** Task directions **
Only one stretch of the data below should be repeated: the lines from the line containing "#69=IFCINDEXEDPOLYGONALFACE((89,90,98,97));" through the line containing "#83=IFCINDEXEDPOLYGONALFACE((119,120,124,123));", inclusive, exactly as they are.

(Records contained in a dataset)
------------------------------------------------------------------------

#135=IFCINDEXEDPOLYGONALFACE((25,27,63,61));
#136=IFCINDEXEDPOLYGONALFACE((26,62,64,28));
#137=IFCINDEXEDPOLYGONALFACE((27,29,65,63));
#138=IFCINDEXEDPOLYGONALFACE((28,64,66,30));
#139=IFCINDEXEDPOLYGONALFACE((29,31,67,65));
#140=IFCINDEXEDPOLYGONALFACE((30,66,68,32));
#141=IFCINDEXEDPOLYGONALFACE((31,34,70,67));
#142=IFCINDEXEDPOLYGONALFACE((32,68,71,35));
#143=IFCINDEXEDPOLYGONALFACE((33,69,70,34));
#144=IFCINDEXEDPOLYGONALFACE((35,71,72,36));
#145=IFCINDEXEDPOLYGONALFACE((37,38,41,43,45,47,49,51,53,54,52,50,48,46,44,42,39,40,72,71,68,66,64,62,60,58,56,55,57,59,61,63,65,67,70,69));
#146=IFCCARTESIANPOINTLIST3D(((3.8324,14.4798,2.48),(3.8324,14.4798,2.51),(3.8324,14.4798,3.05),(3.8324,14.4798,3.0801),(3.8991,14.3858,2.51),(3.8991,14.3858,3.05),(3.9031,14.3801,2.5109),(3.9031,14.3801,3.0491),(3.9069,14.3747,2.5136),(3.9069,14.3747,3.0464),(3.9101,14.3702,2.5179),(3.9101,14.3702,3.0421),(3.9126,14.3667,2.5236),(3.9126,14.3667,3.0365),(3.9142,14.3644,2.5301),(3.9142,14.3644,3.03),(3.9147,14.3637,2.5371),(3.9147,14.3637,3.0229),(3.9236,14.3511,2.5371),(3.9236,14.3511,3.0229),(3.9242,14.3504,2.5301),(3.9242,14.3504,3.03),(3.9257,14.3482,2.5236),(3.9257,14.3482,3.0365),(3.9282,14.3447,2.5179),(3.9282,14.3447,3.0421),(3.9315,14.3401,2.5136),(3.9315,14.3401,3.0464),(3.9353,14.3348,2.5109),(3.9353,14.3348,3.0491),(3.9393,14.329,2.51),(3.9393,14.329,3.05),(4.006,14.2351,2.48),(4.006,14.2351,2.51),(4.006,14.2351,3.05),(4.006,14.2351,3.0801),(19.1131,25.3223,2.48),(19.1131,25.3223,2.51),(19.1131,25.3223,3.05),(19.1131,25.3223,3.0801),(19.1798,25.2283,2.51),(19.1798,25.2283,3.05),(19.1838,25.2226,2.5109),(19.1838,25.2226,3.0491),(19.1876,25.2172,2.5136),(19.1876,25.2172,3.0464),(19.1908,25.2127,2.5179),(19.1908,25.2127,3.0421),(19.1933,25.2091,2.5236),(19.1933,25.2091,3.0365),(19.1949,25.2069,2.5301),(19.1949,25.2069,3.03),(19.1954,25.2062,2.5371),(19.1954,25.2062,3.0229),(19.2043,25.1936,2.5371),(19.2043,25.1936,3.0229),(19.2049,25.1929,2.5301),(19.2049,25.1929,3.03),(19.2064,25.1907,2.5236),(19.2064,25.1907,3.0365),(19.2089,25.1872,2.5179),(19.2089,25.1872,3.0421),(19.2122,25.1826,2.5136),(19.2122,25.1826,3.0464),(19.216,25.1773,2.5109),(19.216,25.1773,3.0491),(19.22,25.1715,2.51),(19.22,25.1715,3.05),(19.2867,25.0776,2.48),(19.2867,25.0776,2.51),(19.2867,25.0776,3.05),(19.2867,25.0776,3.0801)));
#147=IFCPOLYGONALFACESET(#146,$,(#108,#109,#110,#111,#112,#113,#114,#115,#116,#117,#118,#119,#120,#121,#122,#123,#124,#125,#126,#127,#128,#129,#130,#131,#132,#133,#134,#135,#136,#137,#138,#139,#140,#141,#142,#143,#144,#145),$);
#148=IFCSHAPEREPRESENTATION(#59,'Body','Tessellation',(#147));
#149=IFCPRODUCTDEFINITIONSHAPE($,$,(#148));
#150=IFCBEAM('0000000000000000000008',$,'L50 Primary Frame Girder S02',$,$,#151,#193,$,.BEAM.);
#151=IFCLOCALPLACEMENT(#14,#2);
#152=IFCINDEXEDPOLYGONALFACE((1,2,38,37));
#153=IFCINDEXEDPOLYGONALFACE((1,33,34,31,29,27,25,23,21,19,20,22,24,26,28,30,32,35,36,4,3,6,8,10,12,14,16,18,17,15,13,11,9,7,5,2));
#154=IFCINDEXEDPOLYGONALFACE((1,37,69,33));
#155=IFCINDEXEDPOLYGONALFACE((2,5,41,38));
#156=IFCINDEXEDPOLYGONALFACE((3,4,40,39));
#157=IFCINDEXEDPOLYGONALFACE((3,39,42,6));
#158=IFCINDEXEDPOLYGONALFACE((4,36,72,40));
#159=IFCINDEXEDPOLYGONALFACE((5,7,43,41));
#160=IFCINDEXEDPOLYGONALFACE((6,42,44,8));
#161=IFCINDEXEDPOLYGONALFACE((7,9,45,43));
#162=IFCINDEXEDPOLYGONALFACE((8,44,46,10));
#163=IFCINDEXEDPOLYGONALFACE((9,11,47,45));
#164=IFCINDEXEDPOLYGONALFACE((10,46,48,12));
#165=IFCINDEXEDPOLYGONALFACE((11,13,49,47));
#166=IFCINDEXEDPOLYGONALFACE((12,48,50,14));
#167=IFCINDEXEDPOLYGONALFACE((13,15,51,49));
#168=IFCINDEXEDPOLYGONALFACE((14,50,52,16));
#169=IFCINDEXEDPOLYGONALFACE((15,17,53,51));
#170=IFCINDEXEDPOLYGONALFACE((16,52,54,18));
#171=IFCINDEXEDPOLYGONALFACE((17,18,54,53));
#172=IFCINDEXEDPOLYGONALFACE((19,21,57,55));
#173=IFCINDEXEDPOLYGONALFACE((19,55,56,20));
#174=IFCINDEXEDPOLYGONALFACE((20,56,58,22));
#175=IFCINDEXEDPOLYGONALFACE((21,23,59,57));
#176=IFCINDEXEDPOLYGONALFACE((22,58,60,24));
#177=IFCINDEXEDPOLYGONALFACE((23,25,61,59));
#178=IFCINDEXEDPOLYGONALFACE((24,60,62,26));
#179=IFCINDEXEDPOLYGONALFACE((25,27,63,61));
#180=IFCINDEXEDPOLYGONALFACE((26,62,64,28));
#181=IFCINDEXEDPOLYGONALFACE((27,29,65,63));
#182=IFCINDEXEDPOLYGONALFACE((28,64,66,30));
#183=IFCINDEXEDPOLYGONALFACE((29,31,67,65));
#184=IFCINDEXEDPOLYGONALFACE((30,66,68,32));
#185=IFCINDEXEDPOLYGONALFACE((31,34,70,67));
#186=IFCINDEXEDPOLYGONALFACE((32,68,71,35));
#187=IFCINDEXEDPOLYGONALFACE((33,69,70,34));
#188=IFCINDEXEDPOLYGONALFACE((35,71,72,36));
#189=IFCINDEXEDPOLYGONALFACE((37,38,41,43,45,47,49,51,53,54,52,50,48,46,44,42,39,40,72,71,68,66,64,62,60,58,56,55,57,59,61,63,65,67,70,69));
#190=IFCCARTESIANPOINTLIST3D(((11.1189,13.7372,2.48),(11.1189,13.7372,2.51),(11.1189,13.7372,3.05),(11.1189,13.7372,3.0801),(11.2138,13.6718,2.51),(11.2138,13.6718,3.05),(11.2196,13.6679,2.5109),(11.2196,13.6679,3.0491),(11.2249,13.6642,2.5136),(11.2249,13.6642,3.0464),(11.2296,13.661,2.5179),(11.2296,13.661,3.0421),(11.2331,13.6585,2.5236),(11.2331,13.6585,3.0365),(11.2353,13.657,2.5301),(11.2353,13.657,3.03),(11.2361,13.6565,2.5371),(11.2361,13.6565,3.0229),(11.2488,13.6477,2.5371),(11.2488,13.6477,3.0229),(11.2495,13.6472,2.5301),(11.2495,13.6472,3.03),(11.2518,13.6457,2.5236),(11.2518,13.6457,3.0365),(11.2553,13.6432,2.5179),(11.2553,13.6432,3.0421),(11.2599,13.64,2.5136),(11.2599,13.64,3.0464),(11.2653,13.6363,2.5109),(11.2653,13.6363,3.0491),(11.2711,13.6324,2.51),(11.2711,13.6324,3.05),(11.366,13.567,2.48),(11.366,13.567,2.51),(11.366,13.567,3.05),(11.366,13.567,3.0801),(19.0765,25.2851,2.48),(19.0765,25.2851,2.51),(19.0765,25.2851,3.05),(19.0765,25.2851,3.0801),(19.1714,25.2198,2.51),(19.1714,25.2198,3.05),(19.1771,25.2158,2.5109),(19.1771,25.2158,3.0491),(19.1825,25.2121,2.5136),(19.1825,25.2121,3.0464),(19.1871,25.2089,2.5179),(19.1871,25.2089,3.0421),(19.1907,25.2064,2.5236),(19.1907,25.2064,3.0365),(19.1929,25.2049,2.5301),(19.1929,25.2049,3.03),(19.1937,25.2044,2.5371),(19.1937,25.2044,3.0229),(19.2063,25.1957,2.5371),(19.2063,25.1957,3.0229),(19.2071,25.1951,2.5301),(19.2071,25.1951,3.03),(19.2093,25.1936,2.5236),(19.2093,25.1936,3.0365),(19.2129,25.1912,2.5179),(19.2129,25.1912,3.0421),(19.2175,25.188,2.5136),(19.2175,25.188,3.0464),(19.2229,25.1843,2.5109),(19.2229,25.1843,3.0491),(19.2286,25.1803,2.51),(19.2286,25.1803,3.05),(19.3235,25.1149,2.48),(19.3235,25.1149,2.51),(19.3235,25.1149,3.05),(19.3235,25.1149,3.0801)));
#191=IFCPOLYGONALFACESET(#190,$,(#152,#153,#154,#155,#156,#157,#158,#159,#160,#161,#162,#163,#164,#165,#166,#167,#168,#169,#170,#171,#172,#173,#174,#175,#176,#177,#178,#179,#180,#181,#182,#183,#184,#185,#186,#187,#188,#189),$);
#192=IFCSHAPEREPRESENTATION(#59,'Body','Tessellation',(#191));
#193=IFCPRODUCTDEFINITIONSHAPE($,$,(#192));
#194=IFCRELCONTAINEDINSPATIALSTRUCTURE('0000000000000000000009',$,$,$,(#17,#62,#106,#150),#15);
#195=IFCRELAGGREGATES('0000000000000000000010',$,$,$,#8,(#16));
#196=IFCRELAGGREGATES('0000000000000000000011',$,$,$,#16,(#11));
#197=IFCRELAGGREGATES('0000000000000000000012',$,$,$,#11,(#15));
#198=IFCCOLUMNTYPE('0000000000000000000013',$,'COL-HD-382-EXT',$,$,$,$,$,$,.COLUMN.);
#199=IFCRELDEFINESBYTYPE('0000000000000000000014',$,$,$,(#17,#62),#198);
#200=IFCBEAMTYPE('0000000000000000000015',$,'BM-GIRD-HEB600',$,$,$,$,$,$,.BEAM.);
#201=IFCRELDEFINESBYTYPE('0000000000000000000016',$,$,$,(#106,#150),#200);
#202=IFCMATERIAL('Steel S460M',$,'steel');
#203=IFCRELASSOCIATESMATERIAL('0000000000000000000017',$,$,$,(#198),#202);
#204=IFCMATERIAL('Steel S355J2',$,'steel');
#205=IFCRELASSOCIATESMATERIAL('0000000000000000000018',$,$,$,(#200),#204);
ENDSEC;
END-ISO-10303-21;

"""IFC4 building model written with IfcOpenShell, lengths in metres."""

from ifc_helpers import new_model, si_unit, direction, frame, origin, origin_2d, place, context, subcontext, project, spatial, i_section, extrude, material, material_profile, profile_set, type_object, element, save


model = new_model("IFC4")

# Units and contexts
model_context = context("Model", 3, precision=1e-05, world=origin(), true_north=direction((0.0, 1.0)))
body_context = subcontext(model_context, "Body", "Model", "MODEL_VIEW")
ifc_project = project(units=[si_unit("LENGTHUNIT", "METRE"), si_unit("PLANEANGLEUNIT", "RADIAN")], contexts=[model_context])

------------------------------------------------------------------------

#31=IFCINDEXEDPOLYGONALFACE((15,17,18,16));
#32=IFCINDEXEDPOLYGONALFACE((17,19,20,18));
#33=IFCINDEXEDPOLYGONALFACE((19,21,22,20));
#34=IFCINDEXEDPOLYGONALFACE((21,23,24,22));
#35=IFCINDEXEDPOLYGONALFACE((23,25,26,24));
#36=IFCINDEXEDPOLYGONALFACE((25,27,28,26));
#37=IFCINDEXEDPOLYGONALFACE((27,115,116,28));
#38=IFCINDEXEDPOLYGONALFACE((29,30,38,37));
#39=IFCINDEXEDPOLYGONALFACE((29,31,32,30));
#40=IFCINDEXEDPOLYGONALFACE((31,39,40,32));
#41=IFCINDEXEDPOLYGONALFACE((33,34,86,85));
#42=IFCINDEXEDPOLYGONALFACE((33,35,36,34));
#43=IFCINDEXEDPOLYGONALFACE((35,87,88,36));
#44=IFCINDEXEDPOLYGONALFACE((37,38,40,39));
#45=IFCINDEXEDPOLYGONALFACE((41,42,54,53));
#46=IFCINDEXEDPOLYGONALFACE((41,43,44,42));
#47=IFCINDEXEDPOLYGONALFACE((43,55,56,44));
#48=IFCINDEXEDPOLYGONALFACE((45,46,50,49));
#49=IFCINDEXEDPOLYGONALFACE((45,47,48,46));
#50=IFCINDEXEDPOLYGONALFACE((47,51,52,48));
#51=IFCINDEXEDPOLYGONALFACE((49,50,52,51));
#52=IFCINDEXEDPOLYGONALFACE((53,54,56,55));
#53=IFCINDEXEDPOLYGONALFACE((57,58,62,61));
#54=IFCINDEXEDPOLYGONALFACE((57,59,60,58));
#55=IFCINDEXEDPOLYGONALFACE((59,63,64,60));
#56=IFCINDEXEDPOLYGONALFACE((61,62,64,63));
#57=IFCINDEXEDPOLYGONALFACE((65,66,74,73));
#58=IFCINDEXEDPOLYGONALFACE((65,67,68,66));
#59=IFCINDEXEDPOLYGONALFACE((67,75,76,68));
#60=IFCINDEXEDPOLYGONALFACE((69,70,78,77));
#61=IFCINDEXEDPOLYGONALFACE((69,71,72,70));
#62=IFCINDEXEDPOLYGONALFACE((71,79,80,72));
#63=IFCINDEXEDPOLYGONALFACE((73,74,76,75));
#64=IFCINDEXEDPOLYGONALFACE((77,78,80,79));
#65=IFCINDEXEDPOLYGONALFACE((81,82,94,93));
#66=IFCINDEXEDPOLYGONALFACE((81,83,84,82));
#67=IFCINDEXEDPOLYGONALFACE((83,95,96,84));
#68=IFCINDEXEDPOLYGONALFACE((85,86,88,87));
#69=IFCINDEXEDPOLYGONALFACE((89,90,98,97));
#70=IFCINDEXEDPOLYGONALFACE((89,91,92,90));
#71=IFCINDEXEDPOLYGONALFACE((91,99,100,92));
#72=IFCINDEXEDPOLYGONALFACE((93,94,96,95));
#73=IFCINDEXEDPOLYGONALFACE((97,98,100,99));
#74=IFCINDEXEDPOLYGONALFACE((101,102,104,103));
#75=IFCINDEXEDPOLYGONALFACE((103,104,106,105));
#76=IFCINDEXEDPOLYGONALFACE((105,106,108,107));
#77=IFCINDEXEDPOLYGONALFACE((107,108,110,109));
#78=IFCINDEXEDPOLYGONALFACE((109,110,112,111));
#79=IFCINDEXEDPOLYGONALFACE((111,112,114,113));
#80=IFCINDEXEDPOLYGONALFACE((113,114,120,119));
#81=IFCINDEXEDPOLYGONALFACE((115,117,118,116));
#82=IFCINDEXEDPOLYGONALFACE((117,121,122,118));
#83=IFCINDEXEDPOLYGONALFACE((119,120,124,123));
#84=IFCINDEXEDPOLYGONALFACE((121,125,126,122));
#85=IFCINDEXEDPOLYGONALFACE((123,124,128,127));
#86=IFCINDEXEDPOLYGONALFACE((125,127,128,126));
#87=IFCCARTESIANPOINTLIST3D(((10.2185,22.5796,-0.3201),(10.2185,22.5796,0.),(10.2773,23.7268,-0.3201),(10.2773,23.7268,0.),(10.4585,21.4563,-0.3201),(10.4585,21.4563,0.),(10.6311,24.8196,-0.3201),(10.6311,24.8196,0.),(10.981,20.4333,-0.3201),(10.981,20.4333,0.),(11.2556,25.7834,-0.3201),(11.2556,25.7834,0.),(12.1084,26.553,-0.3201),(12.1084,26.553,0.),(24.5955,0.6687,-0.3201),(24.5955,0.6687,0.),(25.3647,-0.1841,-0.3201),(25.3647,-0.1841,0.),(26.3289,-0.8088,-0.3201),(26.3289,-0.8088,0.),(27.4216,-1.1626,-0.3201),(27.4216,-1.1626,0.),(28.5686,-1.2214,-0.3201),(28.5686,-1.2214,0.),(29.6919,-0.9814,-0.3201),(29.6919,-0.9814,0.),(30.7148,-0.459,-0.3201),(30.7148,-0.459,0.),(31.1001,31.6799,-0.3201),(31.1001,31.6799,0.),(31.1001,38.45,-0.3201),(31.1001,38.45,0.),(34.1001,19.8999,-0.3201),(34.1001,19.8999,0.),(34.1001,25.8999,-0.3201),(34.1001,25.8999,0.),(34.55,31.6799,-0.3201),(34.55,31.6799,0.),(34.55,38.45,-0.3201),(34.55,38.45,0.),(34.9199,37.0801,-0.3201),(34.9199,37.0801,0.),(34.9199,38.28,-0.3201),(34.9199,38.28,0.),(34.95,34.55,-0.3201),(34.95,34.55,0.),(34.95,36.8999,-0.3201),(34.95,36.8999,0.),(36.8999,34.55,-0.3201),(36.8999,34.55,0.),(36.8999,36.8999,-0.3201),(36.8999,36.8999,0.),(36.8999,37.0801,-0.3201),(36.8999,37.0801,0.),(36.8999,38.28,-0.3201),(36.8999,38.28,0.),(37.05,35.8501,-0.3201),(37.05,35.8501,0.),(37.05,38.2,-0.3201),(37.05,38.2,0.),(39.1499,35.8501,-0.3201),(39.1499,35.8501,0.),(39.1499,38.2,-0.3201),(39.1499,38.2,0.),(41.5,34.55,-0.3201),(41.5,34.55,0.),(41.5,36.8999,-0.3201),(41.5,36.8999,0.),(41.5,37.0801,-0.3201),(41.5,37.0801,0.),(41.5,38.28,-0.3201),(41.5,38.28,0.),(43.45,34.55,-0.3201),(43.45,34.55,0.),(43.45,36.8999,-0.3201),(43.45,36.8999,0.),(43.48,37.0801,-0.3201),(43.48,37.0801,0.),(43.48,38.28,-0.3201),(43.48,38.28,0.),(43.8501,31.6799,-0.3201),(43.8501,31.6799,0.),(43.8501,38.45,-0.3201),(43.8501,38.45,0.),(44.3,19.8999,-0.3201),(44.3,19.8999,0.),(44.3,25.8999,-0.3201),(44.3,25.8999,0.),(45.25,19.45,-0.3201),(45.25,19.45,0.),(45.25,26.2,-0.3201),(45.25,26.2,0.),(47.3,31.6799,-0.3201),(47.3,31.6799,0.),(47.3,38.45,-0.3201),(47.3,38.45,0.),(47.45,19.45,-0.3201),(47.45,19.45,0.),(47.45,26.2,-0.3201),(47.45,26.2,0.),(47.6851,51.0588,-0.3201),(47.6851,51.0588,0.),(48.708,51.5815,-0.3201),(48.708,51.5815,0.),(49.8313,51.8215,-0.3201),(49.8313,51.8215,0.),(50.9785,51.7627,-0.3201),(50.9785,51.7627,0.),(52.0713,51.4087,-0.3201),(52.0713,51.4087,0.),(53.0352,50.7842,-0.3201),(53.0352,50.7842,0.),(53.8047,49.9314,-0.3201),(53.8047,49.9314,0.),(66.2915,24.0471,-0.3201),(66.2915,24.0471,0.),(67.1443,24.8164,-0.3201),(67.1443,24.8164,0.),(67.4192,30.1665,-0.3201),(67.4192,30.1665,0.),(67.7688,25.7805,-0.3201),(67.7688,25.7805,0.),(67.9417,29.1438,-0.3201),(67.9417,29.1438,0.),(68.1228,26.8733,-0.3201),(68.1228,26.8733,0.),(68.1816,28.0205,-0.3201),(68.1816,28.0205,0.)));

------------------------------------------------------------------------

** Final answer **
#69=IFCINDEXEDPOLYGONALFACE((89,90,98,97));
#70=IFCINDEXEDPOLYGONALFACE((89,91,92,90));
#71=IFCINDEXEDPOLYGONALFACE((91,99,100,92));
#72=IFCINDEXEDPOLYGONALFACE((93,94,96,95));
#73=IFCINDEXEDPOLYGONALFACE((97,98,100,99));
#74=IFCINDEXEDPOLYGONALFACE((101,102,104,103));
#75=IFCINDEXEDPOLYGONALFACE((103,104,106,105));
#76=IFCINDEXEDPOLYGONALFACE((105,106,108,107));
#77=IFCINDEXEDPOLYGONALFACE((107,108,110,109));
#78=IFCINDEXEDPOLYGONALFACE((109,110,112,111));
#79=IFCINDEXEDPOLYGONALFACE((111,112,114,113));
#80=IFCINDEXEDPOLYGONALFACE((113,114,120,119));
#81=IFCINDEXEDPOLYGONALFACE((115,117,118,116));
#82=IFCINDEXEDPOLYGONALFACE((117,121,122,118));
#83=IFCINDEXEDPOLYGONALFACE((119,120,124,123));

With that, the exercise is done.